• _Exercise input_
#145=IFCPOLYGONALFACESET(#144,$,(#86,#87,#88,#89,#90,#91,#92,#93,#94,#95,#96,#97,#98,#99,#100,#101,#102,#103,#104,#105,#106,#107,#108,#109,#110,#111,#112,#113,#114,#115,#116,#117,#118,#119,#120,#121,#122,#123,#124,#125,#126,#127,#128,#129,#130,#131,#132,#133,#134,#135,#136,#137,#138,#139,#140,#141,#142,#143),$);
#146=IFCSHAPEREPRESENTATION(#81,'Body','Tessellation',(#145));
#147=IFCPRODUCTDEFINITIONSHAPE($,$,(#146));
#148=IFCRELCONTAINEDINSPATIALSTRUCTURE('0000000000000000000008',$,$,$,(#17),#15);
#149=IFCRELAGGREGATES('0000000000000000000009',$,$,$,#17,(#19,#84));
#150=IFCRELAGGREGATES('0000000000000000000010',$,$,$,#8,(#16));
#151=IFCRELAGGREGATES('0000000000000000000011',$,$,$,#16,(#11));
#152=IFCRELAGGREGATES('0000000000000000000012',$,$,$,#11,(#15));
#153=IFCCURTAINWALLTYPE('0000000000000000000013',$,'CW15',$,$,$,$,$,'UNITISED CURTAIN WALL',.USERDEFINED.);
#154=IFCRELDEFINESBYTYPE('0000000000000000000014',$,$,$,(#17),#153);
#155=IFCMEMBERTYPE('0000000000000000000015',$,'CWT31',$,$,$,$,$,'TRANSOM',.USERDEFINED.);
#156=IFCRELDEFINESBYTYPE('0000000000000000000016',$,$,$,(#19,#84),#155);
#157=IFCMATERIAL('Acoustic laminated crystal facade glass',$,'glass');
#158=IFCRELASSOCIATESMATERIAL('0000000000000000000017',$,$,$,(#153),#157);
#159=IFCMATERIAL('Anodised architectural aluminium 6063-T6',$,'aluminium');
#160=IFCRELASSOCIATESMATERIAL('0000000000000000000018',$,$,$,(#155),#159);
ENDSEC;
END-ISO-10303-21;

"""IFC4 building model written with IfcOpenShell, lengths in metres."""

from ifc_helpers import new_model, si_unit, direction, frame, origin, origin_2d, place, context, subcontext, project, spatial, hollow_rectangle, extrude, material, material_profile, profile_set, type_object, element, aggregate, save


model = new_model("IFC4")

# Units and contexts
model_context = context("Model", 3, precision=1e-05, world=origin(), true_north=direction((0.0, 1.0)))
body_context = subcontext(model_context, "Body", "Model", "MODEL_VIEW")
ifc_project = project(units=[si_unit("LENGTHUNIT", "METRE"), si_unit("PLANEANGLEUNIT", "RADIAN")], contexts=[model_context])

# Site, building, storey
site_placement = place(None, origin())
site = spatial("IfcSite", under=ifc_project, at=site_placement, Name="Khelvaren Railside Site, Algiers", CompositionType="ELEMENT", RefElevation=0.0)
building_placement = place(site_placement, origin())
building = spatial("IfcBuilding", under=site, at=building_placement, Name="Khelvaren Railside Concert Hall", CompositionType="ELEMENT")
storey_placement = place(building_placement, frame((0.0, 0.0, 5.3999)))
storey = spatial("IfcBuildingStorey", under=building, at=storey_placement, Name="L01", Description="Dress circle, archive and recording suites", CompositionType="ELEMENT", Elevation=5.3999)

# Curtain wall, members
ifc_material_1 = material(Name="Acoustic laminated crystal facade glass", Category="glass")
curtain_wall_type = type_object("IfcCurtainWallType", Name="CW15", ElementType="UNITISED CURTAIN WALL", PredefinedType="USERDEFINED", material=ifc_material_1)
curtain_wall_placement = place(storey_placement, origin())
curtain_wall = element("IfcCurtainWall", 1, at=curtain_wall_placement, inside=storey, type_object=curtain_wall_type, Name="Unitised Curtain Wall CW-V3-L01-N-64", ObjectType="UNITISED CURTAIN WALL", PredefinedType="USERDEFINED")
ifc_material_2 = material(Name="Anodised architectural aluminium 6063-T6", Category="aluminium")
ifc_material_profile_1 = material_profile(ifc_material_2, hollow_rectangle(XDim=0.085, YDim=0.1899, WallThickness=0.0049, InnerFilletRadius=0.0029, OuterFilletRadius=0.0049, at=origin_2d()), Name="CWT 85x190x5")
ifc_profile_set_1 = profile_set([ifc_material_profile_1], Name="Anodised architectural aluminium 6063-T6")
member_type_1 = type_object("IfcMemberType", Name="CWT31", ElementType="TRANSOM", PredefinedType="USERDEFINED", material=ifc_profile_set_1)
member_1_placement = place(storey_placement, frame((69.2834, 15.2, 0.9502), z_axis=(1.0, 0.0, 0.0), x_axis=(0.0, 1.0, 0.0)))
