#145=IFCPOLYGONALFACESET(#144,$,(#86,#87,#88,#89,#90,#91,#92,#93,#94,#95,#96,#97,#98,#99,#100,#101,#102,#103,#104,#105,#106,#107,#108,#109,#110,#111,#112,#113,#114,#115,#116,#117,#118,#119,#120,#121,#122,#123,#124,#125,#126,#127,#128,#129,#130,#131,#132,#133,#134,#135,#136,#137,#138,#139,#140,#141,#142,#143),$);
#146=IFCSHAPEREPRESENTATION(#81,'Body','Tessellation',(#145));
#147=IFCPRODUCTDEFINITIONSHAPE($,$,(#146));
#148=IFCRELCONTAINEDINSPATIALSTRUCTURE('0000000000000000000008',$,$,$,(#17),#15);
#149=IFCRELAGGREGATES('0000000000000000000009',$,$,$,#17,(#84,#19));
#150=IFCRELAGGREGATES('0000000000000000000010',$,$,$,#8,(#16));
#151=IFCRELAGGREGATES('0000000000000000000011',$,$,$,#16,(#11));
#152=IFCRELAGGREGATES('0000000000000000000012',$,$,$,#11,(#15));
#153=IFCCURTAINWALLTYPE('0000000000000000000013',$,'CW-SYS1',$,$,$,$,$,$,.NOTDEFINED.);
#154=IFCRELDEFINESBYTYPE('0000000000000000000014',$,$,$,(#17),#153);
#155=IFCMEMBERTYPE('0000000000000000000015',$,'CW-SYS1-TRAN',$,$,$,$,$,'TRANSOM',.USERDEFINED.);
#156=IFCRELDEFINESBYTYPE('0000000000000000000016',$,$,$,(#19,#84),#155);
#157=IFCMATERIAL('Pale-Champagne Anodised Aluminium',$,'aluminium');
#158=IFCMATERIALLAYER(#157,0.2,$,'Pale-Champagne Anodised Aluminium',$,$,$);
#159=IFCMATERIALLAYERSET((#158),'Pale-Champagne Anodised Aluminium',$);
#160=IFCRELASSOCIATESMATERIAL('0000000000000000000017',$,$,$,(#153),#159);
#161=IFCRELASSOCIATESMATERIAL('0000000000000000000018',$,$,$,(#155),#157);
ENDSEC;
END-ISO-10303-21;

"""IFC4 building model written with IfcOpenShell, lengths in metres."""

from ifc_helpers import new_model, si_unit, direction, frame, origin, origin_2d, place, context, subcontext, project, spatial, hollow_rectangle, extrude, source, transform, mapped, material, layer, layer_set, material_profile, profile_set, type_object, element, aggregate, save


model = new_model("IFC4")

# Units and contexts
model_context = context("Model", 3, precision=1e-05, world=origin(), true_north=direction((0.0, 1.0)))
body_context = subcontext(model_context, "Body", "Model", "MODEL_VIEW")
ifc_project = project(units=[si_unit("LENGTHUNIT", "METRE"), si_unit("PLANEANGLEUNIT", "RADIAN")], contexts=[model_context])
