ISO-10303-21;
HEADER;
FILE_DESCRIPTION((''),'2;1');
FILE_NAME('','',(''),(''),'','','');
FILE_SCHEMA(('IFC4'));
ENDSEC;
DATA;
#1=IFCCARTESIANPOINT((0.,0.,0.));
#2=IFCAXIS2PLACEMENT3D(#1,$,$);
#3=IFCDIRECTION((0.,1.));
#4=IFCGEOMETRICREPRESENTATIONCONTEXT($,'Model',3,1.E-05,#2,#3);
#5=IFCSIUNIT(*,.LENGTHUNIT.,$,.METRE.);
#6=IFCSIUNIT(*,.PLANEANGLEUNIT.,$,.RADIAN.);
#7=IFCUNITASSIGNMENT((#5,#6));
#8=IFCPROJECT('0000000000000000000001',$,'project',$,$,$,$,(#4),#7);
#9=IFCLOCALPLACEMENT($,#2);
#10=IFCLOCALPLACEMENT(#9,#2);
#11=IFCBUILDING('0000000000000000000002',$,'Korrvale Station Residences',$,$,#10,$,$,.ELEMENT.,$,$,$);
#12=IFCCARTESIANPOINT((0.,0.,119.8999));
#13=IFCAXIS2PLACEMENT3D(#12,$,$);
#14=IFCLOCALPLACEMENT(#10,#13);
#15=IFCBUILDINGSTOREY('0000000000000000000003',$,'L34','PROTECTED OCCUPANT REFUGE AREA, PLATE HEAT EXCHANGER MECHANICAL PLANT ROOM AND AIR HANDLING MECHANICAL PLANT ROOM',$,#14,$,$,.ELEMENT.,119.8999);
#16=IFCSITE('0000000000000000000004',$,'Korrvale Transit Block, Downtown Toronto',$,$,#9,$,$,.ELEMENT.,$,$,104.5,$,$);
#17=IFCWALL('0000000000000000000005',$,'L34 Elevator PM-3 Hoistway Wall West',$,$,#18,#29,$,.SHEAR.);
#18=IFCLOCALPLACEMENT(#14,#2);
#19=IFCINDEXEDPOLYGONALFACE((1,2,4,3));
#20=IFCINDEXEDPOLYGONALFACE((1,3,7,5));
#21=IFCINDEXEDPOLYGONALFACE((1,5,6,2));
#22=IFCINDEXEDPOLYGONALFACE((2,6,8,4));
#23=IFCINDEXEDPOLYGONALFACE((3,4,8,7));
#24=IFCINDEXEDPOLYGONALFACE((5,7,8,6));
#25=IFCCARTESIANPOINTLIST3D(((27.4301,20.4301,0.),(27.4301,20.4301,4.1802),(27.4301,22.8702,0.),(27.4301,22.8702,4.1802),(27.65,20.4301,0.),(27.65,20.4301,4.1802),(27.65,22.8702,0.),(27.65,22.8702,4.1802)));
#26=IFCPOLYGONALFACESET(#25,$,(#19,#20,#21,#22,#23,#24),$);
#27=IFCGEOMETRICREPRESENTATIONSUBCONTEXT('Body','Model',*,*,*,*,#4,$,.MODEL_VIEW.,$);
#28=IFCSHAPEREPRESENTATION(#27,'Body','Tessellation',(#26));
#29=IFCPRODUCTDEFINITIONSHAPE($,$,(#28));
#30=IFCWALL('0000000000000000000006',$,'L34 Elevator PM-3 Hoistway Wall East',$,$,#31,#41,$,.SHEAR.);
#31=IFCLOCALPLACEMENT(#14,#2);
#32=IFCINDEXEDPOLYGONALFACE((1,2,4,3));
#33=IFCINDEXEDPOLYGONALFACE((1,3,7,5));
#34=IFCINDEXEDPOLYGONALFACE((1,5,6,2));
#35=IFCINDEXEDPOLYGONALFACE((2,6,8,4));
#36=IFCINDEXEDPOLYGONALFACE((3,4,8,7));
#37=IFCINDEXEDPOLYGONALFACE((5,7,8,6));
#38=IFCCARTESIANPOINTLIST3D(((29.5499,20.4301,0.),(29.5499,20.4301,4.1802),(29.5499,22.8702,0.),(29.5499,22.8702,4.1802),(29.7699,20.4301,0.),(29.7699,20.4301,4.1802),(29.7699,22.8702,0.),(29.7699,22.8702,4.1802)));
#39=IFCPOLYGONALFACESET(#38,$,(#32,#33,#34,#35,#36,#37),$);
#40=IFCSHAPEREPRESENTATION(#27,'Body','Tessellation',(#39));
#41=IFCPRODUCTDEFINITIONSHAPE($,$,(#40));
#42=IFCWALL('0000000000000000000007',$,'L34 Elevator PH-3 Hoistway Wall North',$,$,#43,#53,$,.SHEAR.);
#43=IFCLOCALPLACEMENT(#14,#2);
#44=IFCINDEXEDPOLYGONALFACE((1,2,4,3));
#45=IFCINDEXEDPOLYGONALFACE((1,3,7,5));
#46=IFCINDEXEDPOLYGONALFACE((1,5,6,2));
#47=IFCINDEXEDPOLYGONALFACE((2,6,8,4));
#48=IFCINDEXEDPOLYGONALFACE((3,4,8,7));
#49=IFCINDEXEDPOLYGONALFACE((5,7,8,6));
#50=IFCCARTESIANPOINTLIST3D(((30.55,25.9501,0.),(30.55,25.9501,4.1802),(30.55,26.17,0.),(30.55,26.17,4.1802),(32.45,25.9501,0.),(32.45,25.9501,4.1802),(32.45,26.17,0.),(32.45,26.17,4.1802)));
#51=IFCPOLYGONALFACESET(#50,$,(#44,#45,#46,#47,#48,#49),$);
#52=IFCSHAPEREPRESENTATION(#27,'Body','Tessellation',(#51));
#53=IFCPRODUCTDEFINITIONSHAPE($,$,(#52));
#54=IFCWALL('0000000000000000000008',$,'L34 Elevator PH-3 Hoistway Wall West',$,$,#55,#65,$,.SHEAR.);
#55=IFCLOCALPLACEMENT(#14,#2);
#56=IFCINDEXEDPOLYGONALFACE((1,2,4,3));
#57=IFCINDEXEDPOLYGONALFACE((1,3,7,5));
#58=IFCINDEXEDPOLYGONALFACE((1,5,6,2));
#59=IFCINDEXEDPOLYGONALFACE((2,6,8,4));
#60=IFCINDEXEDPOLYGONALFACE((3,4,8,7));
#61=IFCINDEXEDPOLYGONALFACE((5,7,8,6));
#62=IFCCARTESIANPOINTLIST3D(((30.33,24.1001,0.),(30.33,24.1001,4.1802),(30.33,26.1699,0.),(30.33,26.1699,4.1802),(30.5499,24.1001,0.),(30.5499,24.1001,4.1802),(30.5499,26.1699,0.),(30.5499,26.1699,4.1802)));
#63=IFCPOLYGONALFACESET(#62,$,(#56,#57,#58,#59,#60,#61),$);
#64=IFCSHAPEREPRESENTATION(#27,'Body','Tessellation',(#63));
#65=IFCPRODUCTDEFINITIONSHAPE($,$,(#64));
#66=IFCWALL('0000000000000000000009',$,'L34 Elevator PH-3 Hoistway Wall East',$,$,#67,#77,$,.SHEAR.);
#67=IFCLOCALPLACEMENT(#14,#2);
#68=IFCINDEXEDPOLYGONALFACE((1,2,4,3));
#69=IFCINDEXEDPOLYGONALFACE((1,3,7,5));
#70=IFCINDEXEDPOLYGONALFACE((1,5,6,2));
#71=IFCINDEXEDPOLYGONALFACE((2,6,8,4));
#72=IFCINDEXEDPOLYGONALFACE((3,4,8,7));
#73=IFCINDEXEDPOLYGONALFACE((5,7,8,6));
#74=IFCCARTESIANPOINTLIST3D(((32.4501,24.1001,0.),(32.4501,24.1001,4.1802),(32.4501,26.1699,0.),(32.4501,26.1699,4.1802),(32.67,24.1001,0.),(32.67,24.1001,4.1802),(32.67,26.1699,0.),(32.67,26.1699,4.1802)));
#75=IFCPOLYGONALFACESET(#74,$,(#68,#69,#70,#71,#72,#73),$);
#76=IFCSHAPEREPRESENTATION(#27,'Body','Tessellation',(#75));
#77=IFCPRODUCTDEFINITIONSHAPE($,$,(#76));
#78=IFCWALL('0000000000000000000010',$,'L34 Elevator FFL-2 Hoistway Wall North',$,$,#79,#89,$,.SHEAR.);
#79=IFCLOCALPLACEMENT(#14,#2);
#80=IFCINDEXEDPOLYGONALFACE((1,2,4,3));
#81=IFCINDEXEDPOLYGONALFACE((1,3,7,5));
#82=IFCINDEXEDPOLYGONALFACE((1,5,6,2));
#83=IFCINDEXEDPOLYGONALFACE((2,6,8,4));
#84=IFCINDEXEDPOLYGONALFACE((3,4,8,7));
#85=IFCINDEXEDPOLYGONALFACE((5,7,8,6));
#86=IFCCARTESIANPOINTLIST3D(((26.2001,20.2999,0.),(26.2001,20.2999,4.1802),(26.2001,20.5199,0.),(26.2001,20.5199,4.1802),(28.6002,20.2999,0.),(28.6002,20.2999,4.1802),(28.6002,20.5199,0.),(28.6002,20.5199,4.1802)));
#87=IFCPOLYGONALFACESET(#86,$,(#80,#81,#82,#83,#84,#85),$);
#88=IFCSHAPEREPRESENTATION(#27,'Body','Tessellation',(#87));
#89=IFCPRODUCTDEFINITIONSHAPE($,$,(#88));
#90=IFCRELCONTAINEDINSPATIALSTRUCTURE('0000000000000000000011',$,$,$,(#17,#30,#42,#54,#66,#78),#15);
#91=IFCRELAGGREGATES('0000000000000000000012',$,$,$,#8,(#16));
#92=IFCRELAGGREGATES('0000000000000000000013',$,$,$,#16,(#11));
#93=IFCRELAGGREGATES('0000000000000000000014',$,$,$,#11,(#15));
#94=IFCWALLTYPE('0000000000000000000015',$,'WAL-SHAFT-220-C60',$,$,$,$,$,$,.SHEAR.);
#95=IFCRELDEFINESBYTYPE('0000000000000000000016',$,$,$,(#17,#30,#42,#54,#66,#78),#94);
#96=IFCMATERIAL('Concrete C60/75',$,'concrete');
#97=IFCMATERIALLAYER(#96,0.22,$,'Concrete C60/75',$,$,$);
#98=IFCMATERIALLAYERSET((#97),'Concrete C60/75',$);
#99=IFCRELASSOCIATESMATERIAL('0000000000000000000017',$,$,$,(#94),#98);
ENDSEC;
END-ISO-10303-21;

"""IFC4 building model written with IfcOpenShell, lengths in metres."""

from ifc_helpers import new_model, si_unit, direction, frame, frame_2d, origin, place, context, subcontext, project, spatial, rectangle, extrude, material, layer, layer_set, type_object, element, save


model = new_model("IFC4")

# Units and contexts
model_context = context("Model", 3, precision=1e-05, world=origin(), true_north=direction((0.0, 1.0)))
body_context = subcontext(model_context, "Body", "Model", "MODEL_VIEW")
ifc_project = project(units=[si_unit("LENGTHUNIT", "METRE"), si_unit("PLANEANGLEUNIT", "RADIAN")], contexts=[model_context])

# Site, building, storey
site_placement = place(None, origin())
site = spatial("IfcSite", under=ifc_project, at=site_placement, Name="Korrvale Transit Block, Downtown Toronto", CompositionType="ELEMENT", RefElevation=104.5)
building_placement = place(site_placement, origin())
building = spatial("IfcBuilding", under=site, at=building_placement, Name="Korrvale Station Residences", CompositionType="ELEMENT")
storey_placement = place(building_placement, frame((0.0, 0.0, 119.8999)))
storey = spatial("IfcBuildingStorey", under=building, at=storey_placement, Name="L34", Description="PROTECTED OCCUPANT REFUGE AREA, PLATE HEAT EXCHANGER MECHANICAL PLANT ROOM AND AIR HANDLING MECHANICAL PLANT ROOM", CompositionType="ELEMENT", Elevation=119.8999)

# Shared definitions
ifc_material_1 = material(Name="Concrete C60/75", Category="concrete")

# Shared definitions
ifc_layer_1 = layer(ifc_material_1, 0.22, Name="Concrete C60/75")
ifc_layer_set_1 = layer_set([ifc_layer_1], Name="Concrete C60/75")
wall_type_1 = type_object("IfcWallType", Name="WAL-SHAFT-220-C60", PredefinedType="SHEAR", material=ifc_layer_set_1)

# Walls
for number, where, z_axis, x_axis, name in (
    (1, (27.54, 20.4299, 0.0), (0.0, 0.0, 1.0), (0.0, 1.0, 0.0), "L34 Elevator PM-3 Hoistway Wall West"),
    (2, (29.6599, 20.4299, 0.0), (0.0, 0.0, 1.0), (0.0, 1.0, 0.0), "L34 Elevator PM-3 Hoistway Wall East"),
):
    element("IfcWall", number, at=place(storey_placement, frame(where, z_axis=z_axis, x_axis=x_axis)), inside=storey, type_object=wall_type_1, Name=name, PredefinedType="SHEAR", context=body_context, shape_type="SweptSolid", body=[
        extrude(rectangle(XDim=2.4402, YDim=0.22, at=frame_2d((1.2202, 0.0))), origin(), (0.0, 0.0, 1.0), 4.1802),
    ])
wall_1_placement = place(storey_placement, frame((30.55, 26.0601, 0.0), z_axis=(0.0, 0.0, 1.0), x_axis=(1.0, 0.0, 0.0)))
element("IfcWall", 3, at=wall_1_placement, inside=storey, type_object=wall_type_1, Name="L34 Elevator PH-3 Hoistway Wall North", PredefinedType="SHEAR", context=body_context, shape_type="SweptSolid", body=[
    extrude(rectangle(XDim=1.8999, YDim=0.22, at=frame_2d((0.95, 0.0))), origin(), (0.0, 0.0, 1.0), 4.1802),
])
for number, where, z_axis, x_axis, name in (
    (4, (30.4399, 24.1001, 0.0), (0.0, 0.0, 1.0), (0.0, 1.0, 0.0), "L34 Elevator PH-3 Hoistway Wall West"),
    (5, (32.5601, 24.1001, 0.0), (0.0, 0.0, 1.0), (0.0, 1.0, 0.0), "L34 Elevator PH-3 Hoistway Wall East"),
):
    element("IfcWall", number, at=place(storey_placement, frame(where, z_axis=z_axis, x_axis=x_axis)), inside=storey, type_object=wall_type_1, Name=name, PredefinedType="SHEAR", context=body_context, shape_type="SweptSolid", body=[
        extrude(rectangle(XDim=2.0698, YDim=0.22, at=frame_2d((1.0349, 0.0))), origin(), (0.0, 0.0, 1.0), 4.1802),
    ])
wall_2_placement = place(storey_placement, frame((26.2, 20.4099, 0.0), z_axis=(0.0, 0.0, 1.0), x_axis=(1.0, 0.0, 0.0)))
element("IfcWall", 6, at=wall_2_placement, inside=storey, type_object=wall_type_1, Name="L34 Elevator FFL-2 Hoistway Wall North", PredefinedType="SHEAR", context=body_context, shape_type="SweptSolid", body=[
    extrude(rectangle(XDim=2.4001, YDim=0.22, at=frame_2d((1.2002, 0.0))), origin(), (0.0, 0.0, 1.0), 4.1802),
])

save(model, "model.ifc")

• _What is required_
Find all lines in the records that hold the word "Acoustic". Copy them.

• _Problem solution_
#157=IFCMATERIAL('Acoustic laminated crystal facade glass',$,'glass');
ifc_material_1 = material(Name="Acoustic laminated crystal facade glass", Category="glass")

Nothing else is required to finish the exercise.